The problem. Answer with the exact lines of the following material from the one containing "Quay, Busan North" through the one containing "frame((0.0, 0.0, 101.5)))", both end lines included.

Data records.
######
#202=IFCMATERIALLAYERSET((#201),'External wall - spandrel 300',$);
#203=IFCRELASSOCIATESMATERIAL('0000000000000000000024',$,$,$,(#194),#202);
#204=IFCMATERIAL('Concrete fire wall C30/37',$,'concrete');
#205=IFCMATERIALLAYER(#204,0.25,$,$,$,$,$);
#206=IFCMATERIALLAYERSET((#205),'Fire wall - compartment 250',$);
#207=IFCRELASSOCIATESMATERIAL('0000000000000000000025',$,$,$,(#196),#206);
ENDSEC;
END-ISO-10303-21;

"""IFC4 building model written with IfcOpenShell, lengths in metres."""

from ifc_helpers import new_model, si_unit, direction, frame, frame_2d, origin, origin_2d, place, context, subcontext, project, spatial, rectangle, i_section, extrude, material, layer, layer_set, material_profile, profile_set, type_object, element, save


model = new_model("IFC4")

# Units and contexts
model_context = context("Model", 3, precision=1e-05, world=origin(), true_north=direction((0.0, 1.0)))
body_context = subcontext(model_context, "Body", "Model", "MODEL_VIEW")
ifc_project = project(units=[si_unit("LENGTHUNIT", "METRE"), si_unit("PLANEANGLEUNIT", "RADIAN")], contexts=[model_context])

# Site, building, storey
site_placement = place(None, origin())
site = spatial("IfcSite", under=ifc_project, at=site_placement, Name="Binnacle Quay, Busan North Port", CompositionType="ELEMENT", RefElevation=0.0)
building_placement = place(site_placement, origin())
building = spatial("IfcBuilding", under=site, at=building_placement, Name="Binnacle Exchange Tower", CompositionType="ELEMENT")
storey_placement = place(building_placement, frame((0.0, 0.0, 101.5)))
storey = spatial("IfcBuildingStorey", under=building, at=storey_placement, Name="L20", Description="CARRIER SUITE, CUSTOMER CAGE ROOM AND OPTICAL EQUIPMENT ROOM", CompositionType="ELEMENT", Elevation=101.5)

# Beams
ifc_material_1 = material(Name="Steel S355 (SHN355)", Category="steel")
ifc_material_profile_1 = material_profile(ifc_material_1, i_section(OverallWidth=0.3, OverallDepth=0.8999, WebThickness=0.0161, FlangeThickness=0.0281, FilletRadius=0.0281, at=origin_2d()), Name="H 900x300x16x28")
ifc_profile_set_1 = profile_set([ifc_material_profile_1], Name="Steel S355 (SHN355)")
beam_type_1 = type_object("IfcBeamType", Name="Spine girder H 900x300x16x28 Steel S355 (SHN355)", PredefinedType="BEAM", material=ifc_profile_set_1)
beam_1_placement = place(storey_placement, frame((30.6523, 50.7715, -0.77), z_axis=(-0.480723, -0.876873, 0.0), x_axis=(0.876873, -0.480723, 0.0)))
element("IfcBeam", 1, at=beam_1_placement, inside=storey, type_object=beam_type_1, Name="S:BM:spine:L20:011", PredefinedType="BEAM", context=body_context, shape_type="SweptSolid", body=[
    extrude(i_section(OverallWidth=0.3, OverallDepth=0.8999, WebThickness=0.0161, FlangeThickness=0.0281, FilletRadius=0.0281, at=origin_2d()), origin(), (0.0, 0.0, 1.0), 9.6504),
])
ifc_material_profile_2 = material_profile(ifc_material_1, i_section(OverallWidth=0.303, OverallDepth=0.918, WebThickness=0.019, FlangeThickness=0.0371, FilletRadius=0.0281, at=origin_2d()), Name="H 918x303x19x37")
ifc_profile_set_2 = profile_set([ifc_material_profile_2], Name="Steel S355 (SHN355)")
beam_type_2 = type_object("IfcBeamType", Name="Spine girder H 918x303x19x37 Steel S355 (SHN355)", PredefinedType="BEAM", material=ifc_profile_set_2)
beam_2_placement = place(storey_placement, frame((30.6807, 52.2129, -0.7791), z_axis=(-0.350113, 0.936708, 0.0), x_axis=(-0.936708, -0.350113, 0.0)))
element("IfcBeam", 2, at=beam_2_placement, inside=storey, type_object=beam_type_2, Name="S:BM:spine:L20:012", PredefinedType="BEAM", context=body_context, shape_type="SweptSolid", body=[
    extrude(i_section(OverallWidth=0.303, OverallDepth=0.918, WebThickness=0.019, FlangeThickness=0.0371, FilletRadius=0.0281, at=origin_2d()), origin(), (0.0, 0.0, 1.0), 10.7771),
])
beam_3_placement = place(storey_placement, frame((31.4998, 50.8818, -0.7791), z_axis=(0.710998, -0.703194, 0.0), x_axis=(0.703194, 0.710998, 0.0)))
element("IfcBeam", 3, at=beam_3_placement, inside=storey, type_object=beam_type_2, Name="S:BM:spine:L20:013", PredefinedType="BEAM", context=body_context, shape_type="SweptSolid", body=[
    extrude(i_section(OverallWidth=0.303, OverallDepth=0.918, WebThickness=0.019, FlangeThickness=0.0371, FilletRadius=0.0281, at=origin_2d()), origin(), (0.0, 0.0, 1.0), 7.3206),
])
######
Result of this task.
site = spatial("IfcSite", under=ifc_project, at=site_placement, Name="Binnacle Quay, Busan North Port", CompositionType="ELEMENT", RefElevation=0.0)
building_placement = place(site_placement, origin())
building = spatial("IfcBuilding", under=site, at=building_placement, Name="Binnacle Exchange Tower", CompositionType="ELEMENT")
storey_placement = place(building_placement, frame((0.0, 0.0, 101.5)))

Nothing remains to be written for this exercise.